-- TO DO --
Only the lines below between the ones containing "#81=IFCINDEXEDPOLYGONALFACE((1,3,7,5));" and "#91=IFCRELAGGREGATES('0000000000000000000008',$,$,$,#8,(#16));", inclusive, are to be reproduced, each exactly as it stands.

-- MATERIAL FOR THIS TASK --
◇ ◇ ◇ ◇ ◇ ◇ ◇
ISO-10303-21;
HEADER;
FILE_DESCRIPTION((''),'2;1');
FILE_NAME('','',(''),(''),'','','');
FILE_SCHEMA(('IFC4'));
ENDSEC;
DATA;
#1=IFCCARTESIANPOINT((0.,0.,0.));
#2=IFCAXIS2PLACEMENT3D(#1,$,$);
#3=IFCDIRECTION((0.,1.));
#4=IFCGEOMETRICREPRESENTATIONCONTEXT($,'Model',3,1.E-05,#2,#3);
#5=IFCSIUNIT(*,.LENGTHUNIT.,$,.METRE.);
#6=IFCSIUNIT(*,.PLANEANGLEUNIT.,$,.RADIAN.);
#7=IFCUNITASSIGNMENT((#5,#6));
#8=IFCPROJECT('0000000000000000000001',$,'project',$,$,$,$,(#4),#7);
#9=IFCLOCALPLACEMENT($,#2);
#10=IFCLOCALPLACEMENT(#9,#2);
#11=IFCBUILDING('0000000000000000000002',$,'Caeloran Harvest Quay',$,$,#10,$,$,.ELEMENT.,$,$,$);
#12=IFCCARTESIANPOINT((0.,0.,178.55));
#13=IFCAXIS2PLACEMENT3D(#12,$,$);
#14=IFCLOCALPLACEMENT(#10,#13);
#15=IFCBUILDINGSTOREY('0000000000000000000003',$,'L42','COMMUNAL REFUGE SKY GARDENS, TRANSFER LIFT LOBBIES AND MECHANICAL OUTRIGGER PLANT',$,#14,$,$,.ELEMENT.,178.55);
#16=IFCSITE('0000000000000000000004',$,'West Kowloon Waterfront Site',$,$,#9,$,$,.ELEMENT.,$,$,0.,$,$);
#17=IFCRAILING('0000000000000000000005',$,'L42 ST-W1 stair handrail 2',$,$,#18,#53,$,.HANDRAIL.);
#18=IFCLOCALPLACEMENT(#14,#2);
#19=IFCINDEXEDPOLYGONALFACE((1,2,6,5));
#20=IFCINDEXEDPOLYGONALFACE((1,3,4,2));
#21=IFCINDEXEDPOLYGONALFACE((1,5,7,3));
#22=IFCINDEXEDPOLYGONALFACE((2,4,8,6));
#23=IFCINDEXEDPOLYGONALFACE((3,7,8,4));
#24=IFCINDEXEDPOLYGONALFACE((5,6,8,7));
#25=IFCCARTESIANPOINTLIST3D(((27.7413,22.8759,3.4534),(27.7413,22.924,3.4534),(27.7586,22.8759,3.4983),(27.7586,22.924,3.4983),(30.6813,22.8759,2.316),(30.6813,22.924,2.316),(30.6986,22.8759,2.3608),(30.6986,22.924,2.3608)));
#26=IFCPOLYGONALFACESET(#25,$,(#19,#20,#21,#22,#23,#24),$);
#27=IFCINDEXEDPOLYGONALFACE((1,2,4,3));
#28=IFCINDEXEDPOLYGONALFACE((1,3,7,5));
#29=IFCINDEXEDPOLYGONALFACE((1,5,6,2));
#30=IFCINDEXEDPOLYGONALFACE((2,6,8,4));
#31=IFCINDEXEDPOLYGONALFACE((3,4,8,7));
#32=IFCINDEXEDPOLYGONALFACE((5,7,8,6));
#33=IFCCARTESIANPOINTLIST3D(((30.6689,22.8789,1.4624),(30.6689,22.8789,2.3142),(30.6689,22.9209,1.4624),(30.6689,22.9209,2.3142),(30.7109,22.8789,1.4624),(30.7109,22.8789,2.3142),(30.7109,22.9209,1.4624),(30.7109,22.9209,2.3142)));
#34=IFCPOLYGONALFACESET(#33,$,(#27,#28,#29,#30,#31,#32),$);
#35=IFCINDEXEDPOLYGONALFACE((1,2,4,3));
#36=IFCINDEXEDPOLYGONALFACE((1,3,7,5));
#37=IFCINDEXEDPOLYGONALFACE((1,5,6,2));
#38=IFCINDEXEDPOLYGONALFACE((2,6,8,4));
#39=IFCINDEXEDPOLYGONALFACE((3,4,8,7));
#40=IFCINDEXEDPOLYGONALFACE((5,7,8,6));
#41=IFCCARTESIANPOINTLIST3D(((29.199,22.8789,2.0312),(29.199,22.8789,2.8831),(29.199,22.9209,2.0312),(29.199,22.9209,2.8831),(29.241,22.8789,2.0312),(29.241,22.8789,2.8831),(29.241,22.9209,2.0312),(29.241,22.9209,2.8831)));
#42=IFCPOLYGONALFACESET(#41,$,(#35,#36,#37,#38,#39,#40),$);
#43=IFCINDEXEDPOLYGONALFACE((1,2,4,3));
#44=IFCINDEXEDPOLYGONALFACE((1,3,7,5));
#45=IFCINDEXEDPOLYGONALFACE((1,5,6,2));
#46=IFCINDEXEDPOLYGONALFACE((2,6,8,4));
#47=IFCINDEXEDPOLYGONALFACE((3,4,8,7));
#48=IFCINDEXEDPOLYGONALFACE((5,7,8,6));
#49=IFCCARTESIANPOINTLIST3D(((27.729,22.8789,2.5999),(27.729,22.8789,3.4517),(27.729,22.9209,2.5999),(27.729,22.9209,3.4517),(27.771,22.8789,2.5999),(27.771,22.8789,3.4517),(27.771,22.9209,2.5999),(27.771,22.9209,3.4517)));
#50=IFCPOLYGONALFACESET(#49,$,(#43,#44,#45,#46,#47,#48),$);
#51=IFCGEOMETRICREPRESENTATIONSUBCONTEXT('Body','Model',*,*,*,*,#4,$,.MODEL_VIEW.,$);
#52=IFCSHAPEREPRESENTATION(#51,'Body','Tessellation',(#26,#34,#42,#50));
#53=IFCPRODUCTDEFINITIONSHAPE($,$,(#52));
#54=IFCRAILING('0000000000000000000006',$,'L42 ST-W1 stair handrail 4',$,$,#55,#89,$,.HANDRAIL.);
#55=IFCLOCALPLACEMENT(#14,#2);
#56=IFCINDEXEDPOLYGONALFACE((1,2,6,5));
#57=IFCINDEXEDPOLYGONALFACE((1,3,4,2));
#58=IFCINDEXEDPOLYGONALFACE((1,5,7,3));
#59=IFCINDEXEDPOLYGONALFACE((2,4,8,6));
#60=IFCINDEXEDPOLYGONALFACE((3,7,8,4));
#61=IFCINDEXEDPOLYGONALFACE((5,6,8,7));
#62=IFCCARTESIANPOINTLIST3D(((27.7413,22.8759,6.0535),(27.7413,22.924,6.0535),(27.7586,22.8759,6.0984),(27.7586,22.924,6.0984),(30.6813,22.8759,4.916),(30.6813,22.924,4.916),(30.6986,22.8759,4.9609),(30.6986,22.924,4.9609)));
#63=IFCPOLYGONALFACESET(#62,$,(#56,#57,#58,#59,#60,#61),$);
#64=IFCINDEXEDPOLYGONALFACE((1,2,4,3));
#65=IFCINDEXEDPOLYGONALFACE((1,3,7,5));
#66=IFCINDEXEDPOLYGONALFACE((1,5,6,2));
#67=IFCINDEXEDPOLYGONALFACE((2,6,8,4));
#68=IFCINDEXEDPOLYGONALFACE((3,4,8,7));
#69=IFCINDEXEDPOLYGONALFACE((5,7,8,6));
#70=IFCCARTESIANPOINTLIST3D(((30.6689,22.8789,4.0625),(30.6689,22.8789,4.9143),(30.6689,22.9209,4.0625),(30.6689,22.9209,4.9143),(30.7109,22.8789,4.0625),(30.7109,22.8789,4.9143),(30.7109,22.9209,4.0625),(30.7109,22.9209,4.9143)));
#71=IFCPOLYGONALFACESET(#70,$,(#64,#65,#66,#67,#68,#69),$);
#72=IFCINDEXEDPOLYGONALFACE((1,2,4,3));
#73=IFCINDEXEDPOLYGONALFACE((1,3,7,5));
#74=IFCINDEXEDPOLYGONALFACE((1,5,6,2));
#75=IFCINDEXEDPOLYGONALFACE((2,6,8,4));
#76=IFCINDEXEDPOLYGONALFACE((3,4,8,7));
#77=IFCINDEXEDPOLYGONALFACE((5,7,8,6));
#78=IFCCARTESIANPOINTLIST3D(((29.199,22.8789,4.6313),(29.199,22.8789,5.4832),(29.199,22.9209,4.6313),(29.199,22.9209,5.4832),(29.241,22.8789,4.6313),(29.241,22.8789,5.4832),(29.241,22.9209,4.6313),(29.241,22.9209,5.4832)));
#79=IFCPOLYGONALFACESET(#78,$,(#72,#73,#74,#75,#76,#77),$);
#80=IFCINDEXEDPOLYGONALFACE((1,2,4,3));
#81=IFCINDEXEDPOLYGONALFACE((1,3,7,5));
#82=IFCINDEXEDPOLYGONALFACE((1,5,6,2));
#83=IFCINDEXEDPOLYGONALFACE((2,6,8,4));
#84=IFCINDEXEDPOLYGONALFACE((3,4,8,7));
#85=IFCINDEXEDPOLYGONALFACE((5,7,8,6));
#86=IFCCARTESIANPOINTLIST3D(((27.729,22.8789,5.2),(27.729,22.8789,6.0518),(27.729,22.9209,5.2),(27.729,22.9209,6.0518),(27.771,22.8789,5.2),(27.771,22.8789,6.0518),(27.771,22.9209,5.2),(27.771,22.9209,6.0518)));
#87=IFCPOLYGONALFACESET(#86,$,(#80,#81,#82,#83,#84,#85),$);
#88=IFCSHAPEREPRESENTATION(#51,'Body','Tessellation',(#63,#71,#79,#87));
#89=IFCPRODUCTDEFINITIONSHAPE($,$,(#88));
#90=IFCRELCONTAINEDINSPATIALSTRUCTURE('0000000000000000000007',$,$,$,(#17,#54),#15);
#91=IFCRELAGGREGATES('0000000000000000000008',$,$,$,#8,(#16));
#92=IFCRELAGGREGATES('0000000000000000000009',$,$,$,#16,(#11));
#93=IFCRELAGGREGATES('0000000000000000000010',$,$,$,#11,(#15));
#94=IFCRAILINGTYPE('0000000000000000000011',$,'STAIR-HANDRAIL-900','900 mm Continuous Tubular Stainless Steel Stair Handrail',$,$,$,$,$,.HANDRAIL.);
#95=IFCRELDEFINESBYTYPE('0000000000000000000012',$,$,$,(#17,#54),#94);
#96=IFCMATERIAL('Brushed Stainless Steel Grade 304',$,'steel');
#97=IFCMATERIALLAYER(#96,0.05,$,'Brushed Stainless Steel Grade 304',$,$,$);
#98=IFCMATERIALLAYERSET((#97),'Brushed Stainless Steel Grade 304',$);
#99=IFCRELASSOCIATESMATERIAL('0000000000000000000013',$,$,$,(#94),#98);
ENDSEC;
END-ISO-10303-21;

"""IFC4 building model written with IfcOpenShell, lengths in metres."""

from ifc_helpers import new_model, si_unit, direction, frame, origin, origin_2d, place, context, subcontext, project, spatial, rectangle, extrude, material, layer, layer_set, type_object, element, save


model = new_model("IFC4")

# Units and contexts
model_context = context("Model", 3, precision=1e-05, world=origin(), true_north=direction((0.0, 1.0)))
body_context = subcontext(model_context, "Body", "Model", "MODEL_VIEW")
ifc_project = project(units=[si_unit("LENGTHUNIT", "METRE"), si_unit("PLANEANGLEUNIT", "RADIAN")], contexts=[model_context])

# Site, building, storey
site_placement = place(None, origin())
site = spatial("IfcSite", under=ifc_project, at=site_placement, Name="West Kowloon Waterfront Site", CompositionType="ELEMENT", RefElevation=0.0)
building_placement = place(site_placement, origin())
building = spatial("IfcBuilding", under=site, at=building_placement, Name="Caeloran Harvest Quay", CompositionType="ELEMENT")
storey_placement = place(building_placement, frame((0.0, 0.0, 178.55)))
storey = spatial("IfcBuildingStorey", under=building, at=storey_placement, Name="L42", Description="COMMUNAL REFUGE SKY GARDENS, TRANSFER LIFT LOBBIES AND MECHANICAL OUTRIGGER PLANT", CompositionType="ELEMENT", Elevation=178.55)

# Railings
ifc_material_1 = material(Name="Brushed Stainless Steel Grade 304", Category="steel")
ifc_layer_1 = layer(ifc_material_1, 0.05, Name="Brushed Stainless Steel Grade 304")
ifc_layer_set_1 = layer_set([ifc_layer_1], Name="Brushed Stainless Steel Grade 304")
railing_type_1 = type_object("IfcRailingType", Name="STAIR-HANDRAIL-900", Description="900 mm Continuous Tubular Stainless Steel Stair Handrail", PredefinedType="HANDRAIL", material=ifc_layer_set_1)
for number, where, name in (
    (1, (30.6899, 22.8999, 1.4624), "L42 ST-W1 stair handrail 2"),
    (2, (30.6899, 22.8999, 4.0625), "L42 ST-W1 stair handrail 4"),
):
    element("IfcRailing", number, at=place(storey_placement, frame(where)), inside=storey, type_object=railing_type_1, Name=name, PredefinedType="HANDRAIL", context=body_context, shape_type="SweptSolid", body=[
        extrude(rectangle(XDim=0.0481, YDim=0.0481, at=origin_2d()), frame((0.0, 0.0, 0.876), z_axis=(-0.932631, 0.0, 0.360831), x_axis=(0.0, -1.0, 0.0)), (0.0, 0.0, 1.0), 3.1523),
        extrude(rectangle(XDim=0.042, YDim=0.042, at=origin_2d()), origin(), (0.0, 0.0, 1.0), 0.8518),
        extrude(rectangle(XDim=0.042, YDim=0.042, at=origin_2d()), frame((-1.47, 0.0, 0.5688)), (0.0, 0.0, 1.0), 0.8518),
        extrude(rectangle(XDim=0.042, YDim=0.042, at=origin_2d()), frame((-2.9399, 0.0, 1.1375)), (0.0, 0.0, 1.0), 0.8518),
    ])

save(model, "model.ifc")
◇ ◇ ◇ ◇ ◇ ◇ ◇
-- TASK RESPONSE --
#81=IFCINDEXEDPOLYGONALFACE((1,3,7,5));
#82=IFCINDEXEDPOLYGONALFACE((1,5,6,2));
#83=IFCINDEXEDPOLYGONALFACE((2,6,8,4));
#84=IFCINDEXEDPOLYGONALFACE((3,4,8,7));
#85=IFCINDEXEDPOLYGONALFACE((5,7,8,6));
#86=IFCCARTESIANPOINTLIST3D(((27.729,22.8789,5.2),(27.729,22.8789,6.0518),(27.729,22.9209,5.2),(27.729,22.9209,6.0518),(27.771,22.8789,5.2),(27.771,22.8789,6.0518),(27.771,22.9209,5.2),(27.771,22.9209,6.0518)));
#87=IFCPOLYGONALFACESET(#86,$,(#80,#81,#82,#83,#84,#85),$);
#88=IFCSHAPEREPRESENTATION(#51,'Body','Tessellation',(#63,#71,#79,#87));
#89=IFCPRODUCTDEFINITIONSHAPE($,$,(#88));
#90=IFCRELCONTAINEDINSPATIALSTRUCTURE('0000000000000000000007',$,$,$,(#17,#54),#15);
#91=IFCRELAGGREGATES('0000000000000000000008',$,$,$,#8,(#16));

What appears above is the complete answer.